In the entries that follow, the first line to write out is the one containing "#180=IFCMATERIALLAYERSET((#179),'EW-BOX',$);", and the last is the one containing "building model written". Reproduce that stretch exactly, with nothing before or after it.

[Saved data entries]
=====

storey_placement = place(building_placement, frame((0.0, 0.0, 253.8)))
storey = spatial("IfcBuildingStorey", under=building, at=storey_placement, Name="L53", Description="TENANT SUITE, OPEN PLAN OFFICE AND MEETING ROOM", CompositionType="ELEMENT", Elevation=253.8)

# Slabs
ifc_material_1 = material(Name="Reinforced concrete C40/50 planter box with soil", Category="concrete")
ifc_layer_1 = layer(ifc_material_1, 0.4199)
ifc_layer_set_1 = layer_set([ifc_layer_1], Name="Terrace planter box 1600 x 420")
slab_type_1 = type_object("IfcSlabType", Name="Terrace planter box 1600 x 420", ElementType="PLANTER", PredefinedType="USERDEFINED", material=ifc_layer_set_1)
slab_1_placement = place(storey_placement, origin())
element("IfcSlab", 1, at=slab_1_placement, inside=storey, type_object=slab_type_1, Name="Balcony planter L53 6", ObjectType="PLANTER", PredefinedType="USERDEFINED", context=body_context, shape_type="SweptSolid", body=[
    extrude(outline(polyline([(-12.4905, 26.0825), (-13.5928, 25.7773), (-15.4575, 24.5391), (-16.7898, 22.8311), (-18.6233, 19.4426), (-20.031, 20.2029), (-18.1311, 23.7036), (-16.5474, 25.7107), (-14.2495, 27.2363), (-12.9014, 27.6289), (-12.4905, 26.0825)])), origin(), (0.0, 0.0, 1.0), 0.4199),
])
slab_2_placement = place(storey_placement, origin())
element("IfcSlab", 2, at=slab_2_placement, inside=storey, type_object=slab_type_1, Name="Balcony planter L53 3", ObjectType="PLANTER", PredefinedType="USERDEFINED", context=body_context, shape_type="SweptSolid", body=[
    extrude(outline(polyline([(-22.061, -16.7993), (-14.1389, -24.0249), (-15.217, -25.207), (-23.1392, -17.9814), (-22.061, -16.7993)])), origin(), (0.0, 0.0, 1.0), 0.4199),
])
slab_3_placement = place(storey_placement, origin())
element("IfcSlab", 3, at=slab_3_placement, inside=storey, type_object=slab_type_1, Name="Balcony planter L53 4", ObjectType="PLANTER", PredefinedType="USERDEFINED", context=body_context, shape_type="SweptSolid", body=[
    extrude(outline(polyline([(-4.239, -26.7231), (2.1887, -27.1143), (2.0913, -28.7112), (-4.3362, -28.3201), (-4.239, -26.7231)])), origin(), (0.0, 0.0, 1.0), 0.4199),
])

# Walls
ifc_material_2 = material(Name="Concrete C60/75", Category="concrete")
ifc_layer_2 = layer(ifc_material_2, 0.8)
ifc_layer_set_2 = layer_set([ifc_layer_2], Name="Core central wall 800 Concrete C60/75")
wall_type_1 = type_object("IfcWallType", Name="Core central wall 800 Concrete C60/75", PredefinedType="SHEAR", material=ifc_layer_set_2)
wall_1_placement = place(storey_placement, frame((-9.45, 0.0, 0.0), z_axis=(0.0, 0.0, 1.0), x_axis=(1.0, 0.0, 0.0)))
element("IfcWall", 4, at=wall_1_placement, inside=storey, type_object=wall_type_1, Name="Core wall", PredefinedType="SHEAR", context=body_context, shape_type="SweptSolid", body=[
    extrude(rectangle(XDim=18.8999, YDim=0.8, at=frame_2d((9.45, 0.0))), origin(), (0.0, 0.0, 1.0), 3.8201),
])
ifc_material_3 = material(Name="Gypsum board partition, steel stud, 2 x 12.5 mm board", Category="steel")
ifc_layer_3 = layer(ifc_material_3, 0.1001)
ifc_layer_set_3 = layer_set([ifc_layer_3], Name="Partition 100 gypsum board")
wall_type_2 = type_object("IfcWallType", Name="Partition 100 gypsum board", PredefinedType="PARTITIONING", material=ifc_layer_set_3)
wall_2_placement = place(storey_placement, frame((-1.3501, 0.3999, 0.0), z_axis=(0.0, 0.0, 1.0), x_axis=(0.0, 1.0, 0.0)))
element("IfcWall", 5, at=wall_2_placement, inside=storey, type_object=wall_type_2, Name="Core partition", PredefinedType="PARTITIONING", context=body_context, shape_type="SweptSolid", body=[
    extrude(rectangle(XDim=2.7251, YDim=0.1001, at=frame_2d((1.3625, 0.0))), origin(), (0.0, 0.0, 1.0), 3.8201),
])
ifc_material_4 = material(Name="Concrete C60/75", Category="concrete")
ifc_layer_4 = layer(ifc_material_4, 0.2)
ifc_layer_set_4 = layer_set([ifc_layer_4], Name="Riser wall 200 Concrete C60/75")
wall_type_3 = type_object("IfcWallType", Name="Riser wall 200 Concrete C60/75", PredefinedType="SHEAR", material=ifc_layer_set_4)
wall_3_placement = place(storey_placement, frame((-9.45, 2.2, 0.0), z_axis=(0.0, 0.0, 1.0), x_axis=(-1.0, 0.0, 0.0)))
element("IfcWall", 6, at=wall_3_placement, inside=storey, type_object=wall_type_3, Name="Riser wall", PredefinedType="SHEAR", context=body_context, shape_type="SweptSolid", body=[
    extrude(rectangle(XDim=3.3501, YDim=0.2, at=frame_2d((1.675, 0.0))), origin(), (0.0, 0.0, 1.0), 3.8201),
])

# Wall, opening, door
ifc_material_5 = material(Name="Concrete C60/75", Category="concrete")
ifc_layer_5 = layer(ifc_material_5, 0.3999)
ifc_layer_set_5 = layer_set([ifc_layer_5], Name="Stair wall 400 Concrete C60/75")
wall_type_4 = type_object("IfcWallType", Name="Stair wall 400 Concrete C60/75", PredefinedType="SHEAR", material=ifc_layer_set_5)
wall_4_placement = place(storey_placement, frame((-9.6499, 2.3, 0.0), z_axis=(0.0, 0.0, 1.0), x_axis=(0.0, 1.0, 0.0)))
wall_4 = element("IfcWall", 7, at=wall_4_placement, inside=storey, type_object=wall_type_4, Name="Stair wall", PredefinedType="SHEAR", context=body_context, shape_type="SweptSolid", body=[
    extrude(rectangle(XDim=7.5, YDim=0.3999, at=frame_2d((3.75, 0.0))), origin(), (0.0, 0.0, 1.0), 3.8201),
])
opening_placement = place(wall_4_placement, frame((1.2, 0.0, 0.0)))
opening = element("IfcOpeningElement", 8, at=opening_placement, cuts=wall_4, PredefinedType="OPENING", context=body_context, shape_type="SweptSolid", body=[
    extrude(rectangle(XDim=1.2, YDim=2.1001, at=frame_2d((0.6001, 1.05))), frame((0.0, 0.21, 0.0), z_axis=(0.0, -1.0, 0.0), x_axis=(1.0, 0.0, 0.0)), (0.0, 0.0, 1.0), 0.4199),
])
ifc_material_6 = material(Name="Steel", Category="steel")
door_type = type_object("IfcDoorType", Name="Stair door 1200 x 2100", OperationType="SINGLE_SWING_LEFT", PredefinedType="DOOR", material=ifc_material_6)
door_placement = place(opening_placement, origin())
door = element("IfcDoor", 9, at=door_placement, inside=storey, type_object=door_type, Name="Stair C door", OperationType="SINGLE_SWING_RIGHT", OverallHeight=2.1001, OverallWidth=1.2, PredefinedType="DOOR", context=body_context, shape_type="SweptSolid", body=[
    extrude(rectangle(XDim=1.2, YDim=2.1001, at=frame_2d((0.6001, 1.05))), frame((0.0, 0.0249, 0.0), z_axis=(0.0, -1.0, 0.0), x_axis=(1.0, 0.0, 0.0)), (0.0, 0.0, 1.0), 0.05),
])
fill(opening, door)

=====

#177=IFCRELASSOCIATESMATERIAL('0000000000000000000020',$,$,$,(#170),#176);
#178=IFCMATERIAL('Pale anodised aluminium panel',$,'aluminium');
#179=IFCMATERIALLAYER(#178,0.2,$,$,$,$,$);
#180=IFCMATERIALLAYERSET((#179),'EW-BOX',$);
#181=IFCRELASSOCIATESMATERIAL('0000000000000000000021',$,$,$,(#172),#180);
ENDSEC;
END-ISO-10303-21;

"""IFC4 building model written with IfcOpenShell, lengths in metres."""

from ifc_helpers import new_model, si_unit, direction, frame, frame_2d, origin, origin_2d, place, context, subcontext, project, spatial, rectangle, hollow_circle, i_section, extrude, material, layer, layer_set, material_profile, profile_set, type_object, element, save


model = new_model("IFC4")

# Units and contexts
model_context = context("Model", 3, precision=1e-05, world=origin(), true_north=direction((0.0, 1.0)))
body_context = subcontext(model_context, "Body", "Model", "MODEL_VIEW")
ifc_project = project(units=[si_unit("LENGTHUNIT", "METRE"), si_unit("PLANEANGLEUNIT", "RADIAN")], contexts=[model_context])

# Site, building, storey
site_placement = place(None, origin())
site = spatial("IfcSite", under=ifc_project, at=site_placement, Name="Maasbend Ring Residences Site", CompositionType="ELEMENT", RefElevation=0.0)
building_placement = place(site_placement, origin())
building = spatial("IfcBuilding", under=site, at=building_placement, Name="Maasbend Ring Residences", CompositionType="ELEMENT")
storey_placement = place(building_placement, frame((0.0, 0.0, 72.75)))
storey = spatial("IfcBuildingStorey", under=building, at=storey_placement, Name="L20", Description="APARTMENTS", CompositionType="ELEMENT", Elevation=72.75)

=====

- [Answer section]:
#180=IFCMATERIALLAYERSET((#179),'EW-BOX',$);
#181=IFCRELASSOCIATESMATERIAL('0000000000000000000021',$,$,$,(#172),#180);
ENDSEC;
END-ISO-10303-21;

"""IFC4 building model written with IfcOpenShell, lengths in metres."""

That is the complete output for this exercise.